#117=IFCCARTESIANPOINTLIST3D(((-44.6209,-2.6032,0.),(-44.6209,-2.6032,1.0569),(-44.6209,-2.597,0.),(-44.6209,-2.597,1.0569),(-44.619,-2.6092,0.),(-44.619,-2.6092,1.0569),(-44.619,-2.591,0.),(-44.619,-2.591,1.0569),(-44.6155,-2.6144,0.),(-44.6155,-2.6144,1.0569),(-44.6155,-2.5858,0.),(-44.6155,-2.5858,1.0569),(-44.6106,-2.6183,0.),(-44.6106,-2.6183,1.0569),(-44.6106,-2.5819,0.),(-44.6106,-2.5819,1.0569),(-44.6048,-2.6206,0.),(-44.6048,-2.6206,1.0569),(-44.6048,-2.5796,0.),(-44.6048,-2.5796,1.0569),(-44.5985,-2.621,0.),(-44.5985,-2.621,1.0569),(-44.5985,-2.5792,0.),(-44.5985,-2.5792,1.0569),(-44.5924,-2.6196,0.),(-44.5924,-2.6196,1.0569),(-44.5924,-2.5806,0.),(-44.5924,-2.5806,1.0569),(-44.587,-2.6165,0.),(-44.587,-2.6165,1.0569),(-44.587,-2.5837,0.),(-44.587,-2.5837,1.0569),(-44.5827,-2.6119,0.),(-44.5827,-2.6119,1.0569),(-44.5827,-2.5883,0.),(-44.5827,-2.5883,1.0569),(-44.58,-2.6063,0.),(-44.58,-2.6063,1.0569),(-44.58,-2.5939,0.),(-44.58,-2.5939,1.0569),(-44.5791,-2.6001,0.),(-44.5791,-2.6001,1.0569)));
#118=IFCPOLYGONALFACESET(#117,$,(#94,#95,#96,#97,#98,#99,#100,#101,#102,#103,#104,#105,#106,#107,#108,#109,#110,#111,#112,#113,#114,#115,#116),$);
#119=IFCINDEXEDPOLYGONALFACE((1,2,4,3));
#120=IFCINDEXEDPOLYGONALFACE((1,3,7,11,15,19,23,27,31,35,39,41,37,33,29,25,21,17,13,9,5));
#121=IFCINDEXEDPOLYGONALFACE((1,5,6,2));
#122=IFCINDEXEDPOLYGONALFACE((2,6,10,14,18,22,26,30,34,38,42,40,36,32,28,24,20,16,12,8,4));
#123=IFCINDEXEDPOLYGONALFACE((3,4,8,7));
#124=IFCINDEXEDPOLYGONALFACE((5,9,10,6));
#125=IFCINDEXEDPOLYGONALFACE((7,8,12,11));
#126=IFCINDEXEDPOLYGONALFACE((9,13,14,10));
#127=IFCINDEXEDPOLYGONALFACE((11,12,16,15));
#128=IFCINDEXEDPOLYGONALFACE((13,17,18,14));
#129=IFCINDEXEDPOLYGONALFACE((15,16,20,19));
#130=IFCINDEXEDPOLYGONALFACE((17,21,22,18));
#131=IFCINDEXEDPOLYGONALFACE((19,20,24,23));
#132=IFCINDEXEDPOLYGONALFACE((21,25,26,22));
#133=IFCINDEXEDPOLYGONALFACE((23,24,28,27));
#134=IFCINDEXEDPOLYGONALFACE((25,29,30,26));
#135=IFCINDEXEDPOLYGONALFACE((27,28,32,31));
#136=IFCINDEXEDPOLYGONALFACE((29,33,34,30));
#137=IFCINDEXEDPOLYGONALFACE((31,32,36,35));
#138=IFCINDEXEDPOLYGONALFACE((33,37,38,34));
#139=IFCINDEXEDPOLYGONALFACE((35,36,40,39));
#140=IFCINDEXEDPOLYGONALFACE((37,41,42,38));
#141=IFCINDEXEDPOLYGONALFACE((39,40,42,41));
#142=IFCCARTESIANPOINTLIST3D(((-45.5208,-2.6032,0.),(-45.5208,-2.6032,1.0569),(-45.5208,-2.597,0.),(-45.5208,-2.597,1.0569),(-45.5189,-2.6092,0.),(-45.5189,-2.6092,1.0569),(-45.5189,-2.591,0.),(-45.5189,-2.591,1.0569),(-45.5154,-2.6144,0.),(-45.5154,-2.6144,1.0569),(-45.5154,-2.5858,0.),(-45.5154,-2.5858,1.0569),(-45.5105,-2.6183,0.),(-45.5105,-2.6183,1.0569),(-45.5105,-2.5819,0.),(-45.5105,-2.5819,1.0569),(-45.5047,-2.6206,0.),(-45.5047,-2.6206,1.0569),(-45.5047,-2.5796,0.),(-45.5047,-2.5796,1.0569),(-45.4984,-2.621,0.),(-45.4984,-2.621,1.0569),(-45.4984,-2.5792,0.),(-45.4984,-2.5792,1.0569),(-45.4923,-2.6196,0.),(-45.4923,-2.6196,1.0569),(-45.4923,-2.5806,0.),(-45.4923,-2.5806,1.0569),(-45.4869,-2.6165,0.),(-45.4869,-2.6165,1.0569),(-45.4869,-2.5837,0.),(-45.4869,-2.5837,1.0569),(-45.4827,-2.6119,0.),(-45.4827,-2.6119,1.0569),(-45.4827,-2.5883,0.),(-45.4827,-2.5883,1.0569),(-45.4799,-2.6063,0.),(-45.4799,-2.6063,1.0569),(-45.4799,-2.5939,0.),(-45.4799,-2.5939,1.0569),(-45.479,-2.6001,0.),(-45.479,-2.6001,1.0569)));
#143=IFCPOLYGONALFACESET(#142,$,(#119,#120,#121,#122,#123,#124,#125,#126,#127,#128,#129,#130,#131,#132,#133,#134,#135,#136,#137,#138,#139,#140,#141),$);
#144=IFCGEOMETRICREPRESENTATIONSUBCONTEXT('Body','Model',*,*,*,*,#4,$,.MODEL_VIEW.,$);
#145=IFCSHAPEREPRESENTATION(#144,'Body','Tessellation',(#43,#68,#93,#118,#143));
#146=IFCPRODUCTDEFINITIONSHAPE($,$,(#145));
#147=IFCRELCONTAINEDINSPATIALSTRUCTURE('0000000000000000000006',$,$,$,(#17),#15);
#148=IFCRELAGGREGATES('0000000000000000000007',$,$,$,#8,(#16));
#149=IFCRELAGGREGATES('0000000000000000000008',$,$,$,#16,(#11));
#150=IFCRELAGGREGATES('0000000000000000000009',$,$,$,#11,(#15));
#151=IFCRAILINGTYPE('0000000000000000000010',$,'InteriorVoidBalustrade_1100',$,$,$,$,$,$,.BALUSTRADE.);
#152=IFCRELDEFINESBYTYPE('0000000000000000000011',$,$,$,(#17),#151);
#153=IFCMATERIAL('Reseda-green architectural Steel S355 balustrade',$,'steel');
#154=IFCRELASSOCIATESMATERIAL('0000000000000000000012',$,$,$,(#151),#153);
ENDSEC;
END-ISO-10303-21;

━━━━━━━━━━━━━━━━

**Exercise description:** Check every line of the records, and copy the ones that hold the word "IFCRELAGGREGATES".

**Task response:**
#148=IFCRELAGGREGATES('0000000000000000000007',$,$,$,#8,(#16));
#149=IFCRELAGGREGATES('0000000000000000000008',$,$,$,#16,(#11));
#150=IFCRELAGGREGATES('0000000000000000000009',$,$,$,#11,(#15));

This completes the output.